EXERCISE AIM:
Each line of the records below that includes "SUNSHADE" adds one to the count; state the final count by itself.

:: DATASET CONTENT

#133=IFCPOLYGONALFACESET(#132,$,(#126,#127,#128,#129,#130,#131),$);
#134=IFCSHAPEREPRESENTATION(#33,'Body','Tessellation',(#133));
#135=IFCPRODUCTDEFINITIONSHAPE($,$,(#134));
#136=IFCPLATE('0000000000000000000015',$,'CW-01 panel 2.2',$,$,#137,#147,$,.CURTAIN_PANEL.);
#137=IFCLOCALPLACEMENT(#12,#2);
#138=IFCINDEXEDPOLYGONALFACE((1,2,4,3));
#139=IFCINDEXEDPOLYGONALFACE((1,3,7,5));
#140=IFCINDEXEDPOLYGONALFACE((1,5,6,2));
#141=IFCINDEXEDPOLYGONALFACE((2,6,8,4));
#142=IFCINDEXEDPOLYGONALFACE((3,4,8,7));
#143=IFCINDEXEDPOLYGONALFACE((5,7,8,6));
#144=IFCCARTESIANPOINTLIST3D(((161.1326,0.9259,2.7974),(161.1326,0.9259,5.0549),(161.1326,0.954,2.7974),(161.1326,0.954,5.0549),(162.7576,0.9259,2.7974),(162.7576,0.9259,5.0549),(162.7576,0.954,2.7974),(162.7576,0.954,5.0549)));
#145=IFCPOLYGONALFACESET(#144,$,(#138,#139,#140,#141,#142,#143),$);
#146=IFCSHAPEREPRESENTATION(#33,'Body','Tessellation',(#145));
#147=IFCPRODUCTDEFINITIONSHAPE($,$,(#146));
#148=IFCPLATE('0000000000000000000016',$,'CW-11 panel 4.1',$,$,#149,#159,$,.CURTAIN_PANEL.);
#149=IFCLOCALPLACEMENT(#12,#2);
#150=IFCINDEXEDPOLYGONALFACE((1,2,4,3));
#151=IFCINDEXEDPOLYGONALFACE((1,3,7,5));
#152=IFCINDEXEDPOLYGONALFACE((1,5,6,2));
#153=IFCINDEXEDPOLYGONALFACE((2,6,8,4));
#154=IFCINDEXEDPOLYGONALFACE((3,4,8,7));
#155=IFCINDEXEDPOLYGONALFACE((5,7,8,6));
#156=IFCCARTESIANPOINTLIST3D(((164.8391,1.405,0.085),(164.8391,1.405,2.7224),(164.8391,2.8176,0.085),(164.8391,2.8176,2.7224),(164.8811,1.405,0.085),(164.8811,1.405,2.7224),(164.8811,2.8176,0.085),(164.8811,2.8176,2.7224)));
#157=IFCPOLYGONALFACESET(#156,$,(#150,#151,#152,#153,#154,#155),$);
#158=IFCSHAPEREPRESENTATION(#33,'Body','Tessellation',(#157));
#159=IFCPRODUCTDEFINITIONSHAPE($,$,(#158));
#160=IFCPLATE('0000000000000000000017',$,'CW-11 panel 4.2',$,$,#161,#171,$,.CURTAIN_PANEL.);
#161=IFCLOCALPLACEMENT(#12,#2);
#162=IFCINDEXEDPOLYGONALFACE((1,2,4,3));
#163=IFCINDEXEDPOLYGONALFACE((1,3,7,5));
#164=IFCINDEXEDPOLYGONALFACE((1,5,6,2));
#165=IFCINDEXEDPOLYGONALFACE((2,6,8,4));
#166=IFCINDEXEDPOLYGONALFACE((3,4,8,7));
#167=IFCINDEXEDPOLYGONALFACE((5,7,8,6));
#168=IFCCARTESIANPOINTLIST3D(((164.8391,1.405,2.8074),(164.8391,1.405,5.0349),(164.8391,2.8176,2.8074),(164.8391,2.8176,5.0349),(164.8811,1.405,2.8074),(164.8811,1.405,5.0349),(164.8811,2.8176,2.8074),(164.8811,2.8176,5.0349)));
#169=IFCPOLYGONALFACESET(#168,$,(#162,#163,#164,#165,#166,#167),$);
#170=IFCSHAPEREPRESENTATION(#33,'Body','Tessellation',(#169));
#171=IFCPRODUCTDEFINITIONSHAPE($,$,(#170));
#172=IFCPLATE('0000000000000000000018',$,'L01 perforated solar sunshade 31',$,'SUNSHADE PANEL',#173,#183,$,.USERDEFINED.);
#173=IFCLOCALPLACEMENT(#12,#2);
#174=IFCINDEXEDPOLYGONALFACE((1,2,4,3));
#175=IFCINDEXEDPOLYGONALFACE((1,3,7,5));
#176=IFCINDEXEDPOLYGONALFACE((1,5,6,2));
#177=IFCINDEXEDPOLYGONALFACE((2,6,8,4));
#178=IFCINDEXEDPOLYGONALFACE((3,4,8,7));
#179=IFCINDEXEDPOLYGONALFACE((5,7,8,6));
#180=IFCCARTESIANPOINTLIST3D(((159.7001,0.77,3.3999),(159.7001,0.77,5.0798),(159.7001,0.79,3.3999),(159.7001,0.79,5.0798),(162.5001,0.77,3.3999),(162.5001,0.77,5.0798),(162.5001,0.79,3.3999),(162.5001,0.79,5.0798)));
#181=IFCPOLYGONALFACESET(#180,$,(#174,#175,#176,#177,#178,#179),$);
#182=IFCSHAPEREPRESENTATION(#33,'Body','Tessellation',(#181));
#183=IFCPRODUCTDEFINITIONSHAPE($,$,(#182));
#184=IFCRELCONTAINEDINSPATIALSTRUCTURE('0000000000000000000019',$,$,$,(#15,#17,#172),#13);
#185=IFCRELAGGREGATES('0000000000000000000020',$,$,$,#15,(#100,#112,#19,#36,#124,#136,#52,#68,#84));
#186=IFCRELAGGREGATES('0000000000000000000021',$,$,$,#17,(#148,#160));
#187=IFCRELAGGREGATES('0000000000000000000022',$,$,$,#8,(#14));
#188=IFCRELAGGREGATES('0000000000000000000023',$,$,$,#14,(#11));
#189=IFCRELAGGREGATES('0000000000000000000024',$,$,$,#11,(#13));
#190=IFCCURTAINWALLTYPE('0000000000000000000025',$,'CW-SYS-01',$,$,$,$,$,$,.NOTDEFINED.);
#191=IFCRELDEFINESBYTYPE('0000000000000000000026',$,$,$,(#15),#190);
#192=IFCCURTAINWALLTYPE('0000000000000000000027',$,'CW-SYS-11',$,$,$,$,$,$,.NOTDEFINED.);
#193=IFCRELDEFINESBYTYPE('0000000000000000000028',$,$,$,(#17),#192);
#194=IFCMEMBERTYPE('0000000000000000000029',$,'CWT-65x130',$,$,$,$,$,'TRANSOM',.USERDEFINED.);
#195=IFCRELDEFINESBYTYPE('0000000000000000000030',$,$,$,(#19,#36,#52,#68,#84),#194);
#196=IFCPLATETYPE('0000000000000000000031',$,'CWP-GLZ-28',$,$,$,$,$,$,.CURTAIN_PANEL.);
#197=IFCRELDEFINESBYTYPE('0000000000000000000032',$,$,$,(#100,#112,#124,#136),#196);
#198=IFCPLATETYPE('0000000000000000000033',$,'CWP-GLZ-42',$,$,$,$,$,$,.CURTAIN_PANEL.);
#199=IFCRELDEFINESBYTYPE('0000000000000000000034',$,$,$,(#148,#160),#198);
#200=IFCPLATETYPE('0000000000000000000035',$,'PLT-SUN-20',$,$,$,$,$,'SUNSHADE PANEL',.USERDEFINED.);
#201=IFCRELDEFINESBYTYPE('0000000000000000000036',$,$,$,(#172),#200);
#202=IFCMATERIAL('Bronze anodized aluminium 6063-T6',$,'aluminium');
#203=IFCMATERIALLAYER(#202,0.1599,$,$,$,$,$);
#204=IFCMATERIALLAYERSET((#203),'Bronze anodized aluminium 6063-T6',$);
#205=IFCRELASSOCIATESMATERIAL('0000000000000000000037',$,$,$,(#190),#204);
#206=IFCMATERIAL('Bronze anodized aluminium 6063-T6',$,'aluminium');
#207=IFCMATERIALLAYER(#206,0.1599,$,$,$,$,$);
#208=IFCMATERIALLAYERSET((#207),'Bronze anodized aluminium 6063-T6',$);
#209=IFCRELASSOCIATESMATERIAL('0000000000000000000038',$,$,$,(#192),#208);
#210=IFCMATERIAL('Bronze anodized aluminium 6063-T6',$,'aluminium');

::::

RESPONSE AREA:
2